**Exercise data**
****************

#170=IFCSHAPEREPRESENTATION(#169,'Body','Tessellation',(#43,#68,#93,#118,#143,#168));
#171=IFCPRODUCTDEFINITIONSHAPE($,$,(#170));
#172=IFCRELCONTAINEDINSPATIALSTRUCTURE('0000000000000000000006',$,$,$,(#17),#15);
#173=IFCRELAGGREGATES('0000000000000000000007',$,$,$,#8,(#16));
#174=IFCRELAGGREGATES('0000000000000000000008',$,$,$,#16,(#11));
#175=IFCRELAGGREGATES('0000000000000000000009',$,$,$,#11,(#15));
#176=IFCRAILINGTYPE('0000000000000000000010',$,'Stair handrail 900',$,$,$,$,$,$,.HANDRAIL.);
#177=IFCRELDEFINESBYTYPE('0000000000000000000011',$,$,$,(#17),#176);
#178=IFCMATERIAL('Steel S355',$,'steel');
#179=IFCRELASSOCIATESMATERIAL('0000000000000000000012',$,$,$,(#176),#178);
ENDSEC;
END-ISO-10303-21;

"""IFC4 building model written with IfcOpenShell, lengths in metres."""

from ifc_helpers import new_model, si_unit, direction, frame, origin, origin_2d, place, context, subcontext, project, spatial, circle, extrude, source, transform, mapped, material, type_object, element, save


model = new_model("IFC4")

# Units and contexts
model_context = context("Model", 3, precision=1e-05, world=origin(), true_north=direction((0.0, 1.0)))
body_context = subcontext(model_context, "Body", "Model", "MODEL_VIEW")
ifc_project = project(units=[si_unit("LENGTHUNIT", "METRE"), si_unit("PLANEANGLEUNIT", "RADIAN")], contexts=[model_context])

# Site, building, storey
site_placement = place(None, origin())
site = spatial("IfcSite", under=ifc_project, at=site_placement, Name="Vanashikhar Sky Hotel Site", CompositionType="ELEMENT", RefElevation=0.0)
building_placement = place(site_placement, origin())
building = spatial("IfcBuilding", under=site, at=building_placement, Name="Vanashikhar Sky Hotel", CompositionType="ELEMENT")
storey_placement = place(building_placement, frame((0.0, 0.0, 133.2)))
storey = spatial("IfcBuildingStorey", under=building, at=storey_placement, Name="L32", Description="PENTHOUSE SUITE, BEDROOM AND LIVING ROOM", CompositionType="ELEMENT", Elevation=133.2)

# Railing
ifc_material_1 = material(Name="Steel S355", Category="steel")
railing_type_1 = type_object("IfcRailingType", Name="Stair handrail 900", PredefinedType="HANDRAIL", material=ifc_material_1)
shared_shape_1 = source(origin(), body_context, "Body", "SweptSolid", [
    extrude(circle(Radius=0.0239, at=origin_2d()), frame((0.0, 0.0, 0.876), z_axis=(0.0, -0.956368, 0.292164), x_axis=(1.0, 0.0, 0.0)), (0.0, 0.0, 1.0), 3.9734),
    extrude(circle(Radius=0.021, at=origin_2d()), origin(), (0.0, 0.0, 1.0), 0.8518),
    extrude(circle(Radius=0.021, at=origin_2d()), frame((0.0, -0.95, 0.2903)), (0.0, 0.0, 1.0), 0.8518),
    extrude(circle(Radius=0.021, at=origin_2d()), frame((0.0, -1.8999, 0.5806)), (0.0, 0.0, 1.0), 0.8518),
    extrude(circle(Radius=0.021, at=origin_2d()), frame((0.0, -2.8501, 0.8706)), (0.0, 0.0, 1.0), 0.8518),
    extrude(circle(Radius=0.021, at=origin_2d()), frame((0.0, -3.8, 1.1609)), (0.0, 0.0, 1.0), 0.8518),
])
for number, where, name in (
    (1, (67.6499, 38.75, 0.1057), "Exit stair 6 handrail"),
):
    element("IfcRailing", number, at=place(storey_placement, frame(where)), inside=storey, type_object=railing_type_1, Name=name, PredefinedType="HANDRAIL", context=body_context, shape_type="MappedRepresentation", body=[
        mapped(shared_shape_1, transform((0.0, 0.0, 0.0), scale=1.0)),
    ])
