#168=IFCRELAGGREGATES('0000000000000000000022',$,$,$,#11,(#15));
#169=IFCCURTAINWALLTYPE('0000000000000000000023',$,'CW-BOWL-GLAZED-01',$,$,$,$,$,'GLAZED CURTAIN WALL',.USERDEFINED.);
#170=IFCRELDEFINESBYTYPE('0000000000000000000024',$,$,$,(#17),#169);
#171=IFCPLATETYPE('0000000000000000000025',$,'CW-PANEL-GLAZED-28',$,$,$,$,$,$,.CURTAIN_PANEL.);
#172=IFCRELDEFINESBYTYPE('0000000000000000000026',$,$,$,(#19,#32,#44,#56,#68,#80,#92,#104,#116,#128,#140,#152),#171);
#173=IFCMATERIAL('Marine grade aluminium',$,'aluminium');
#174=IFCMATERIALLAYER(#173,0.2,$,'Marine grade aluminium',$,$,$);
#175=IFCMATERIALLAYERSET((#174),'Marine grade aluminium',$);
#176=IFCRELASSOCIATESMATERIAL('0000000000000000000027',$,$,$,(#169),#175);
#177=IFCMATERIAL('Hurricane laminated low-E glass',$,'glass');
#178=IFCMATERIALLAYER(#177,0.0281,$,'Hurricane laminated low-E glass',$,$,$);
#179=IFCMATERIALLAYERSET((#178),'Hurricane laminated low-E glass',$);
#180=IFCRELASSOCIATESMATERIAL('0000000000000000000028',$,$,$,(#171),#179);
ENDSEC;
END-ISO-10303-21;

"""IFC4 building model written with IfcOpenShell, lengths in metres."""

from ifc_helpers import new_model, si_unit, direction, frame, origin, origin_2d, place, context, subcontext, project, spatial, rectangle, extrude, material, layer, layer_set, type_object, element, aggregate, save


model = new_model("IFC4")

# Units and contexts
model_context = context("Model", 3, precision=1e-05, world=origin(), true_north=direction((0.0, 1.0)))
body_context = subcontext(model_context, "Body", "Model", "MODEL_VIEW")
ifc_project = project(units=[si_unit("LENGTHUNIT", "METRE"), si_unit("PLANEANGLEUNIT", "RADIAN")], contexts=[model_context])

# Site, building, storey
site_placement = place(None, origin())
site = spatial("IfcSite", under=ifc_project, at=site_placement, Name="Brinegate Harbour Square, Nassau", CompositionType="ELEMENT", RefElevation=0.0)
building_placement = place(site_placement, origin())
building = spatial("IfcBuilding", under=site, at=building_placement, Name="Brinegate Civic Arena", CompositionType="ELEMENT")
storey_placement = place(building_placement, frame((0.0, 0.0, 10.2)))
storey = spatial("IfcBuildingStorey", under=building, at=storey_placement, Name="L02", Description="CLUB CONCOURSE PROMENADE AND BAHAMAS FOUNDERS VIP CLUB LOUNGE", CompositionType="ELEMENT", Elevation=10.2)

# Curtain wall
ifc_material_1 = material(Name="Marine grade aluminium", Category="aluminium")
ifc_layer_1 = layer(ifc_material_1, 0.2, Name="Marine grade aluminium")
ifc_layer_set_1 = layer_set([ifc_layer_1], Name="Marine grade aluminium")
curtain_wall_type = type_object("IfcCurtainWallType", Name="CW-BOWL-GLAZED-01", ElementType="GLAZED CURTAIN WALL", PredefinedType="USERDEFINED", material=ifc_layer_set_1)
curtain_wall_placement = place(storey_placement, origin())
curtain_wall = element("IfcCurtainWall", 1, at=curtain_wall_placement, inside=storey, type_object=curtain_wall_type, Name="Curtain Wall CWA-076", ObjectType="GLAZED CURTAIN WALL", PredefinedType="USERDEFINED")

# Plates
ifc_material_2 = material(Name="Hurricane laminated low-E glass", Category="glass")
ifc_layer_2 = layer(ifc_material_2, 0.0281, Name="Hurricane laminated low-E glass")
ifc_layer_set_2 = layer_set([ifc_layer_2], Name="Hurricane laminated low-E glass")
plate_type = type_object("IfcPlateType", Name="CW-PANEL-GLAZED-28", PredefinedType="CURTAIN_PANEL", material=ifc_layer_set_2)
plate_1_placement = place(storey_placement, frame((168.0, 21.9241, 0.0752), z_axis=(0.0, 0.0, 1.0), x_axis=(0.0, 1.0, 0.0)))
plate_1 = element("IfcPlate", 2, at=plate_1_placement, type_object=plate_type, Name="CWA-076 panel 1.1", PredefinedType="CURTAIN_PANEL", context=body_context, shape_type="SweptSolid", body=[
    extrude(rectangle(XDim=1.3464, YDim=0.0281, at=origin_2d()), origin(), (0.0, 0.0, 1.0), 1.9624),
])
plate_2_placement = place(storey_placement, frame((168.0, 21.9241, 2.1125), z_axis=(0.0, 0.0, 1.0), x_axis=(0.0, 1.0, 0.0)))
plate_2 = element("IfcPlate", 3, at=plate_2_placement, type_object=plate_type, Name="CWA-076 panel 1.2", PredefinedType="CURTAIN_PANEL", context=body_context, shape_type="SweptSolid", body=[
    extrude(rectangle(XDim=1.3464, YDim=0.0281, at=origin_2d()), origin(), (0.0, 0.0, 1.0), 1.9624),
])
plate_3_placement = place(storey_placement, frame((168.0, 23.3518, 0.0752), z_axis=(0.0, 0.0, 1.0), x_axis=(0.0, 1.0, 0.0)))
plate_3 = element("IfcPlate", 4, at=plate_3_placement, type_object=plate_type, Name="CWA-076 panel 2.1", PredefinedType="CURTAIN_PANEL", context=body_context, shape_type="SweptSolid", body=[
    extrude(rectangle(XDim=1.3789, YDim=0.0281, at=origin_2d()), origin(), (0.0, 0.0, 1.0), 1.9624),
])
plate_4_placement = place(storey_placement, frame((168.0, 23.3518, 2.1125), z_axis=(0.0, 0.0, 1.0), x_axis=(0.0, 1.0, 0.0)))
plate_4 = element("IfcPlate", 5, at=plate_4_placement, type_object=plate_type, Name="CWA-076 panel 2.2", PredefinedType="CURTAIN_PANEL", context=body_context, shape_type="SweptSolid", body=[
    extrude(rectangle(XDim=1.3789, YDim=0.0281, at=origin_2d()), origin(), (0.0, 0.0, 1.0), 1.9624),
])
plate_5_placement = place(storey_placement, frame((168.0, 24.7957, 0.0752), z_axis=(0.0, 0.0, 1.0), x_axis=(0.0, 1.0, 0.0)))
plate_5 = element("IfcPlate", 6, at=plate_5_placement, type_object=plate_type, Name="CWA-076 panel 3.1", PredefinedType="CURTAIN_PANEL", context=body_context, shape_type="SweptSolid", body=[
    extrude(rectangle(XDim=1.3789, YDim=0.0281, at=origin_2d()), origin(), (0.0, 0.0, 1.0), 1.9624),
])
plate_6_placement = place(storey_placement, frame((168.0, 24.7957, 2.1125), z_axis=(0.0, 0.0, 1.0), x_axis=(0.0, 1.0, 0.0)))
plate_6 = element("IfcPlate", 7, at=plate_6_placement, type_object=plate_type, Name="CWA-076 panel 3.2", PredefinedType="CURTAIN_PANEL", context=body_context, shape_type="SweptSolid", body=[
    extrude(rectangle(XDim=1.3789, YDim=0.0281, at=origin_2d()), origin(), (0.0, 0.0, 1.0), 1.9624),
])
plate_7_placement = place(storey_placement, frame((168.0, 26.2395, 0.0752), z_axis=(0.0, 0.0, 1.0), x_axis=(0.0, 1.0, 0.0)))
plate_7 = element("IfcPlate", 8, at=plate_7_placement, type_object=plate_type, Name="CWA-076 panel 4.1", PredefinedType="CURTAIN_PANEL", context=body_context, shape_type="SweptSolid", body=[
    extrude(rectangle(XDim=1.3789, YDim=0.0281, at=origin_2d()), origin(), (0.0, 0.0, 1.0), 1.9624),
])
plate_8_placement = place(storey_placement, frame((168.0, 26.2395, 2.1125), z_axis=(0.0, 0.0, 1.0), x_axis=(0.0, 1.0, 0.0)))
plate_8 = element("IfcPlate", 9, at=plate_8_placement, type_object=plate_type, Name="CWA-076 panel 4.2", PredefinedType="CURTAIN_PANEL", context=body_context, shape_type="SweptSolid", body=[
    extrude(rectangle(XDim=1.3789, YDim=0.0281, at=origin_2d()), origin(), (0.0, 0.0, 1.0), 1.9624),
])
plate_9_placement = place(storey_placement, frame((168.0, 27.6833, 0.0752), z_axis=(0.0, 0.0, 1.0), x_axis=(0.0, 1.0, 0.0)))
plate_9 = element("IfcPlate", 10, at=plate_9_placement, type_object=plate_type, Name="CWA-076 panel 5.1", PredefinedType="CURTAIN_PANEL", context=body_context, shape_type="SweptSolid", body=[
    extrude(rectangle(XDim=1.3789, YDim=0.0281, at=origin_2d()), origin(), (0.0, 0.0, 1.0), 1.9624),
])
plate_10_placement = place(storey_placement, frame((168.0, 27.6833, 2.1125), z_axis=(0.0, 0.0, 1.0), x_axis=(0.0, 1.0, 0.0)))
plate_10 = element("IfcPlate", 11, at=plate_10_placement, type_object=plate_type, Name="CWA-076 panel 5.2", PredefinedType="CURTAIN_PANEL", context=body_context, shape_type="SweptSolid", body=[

****************

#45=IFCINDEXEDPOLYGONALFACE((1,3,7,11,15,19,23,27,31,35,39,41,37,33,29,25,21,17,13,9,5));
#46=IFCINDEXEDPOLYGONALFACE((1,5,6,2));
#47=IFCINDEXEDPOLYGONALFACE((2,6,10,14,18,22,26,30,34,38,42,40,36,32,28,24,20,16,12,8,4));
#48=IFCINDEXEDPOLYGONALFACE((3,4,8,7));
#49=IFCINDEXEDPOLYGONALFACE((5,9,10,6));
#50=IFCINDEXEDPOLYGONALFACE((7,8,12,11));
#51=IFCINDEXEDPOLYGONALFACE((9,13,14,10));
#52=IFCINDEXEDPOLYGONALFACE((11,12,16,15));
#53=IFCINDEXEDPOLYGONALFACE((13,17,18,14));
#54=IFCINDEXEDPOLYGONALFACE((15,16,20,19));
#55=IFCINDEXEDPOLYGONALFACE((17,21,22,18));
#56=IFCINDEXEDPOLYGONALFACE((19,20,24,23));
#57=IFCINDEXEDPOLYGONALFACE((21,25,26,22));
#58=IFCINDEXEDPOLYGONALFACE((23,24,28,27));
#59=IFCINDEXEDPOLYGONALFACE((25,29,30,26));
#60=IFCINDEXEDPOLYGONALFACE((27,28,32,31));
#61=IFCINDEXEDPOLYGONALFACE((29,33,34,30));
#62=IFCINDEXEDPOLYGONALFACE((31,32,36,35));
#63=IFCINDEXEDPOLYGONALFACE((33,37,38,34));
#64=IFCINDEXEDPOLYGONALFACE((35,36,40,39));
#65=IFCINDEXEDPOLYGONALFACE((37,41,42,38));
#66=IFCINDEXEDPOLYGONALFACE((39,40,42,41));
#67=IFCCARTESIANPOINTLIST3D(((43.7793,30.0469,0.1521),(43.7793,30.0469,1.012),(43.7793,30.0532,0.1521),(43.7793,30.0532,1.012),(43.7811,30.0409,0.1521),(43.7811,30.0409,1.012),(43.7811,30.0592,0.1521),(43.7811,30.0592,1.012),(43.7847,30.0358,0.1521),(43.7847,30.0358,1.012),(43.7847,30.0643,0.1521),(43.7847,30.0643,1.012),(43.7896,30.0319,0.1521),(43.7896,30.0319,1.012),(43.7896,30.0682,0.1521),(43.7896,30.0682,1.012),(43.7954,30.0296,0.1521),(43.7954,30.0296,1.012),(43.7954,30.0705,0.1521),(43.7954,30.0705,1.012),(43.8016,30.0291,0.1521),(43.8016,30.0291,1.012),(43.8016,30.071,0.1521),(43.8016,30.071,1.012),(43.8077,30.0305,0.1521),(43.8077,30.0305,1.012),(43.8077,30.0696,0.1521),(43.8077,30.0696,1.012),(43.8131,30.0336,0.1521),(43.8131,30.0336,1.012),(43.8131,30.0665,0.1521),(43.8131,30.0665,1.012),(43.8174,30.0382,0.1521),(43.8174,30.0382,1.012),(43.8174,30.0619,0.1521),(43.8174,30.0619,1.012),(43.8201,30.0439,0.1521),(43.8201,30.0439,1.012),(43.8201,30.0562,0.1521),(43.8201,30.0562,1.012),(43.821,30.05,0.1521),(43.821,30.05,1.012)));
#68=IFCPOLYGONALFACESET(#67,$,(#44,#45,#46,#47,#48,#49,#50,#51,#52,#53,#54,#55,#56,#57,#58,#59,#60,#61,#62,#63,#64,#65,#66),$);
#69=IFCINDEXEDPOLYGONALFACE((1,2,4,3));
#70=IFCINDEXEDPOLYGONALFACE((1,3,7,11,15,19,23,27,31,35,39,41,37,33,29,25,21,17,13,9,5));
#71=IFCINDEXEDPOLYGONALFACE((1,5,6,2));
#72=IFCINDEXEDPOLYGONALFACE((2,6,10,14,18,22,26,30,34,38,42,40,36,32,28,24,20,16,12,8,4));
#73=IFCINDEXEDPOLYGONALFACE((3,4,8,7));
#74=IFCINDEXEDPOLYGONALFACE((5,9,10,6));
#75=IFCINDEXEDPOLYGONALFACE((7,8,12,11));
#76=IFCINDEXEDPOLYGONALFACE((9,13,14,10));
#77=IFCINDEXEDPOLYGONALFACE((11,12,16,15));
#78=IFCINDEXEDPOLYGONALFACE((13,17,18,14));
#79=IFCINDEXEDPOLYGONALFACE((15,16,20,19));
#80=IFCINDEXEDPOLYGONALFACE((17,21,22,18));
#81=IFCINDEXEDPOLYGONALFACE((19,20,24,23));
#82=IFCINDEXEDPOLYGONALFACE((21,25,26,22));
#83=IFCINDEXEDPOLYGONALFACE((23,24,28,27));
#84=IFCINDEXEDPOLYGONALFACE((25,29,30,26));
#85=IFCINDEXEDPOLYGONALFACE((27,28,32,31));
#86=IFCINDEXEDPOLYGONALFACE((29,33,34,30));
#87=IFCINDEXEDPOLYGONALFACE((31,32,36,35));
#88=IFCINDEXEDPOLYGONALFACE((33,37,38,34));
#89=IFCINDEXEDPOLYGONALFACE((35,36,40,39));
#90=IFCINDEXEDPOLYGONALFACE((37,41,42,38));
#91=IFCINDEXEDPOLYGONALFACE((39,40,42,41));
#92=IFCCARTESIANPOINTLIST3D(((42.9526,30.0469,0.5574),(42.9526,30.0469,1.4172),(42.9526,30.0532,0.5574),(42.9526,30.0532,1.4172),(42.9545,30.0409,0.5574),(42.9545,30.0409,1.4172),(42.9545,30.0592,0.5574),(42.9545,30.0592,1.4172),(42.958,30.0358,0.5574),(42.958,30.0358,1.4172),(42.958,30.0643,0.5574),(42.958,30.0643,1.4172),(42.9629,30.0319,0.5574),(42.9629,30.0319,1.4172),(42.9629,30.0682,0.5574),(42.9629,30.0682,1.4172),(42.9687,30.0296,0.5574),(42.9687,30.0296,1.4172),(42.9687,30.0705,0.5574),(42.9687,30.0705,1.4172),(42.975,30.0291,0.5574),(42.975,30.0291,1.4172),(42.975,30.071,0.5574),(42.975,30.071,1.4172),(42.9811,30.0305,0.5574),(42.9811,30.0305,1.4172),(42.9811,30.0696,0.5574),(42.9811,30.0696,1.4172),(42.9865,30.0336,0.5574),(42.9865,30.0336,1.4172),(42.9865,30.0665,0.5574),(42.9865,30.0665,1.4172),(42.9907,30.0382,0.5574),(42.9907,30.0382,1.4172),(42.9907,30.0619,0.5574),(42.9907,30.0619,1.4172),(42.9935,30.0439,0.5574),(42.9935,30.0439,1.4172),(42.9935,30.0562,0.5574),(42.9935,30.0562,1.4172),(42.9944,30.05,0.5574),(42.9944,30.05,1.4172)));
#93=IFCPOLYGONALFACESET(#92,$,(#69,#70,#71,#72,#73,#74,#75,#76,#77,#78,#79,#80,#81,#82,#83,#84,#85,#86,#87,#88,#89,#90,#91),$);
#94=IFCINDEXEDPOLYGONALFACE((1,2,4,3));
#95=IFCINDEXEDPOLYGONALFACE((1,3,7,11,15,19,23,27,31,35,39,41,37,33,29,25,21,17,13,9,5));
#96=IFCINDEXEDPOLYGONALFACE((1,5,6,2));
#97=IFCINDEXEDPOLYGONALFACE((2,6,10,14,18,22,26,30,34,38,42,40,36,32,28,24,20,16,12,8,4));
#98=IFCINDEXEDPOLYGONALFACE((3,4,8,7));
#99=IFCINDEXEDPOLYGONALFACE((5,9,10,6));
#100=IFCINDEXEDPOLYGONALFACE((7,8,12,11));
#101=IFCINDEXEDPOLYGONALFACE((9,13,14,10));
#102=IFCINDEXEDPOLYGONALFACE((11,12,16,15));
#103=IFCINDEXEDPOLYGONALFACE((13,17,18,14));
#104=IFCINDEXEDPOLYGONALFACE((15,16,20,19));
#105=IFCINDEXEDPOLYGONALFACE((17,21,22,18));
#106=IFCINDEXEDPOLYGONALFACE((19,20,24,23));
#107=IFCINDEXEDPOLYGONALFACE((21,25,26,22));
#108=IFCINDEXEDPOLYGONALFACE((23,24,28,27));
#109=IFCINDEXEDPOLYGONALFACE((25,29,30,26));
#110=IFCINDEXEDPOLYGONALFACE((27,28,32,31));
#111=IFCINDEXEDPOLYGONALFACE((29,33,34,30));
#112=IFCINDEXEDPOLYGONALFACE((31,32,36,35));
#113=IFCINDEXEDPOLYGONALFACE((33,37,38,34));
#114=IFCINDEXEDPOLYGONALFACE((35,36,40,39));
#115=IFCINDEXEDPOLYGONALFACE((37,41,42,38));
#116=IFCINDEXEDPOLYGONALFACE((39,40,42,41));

****************

**Exercise aim**
Report all lines in the listing above that contain the word "circle".

**Written answer**
from ifc_helpers import new_model, si_unit, direction, frame, origin, origin_2d, place, context, subcontext, project, spatial, circle, extrude, source, transform, mapped, material, type_object, element, save
    extrude(circle(Radius=0.0239, at=origin_2d()), frame((0.0, 0.0, 0.876), z_axis=(0.0, -0.956368, 0.292164), x_axis=(1.0, 0.0, 0.0)), (0.0, 0.0, 1.0), 3.9734),
    extrude(circle(Radius=0.021, at=origin_2d()), origin(), (0.0, 0.0, 1.0), 0.8518),
    extrude(circle(Radius=0.021, at=origin_2d()), frame((0.0, -0.95, 0.2903)), (0.0, 0.0, 1.0), 0.8518),
    extrude(circle(Radius=0.021, at=origin_2d()), frame((0.0, -1.8999, 0.5806)), (0.0, 0.0, 1.0), 0.8518),
    extrude(circle(Radius=0.021, at=origin_2d()), frame((0.0, -2.8501, 0.8706)), (0.0, 0.0, 1.0), 0.8518),
    extrude(circle(Radius=0.021, at=origin_2d()), frame((0.0, -3.8, 1.1609)), (0.0, 0.0, 1.0), 0.8518),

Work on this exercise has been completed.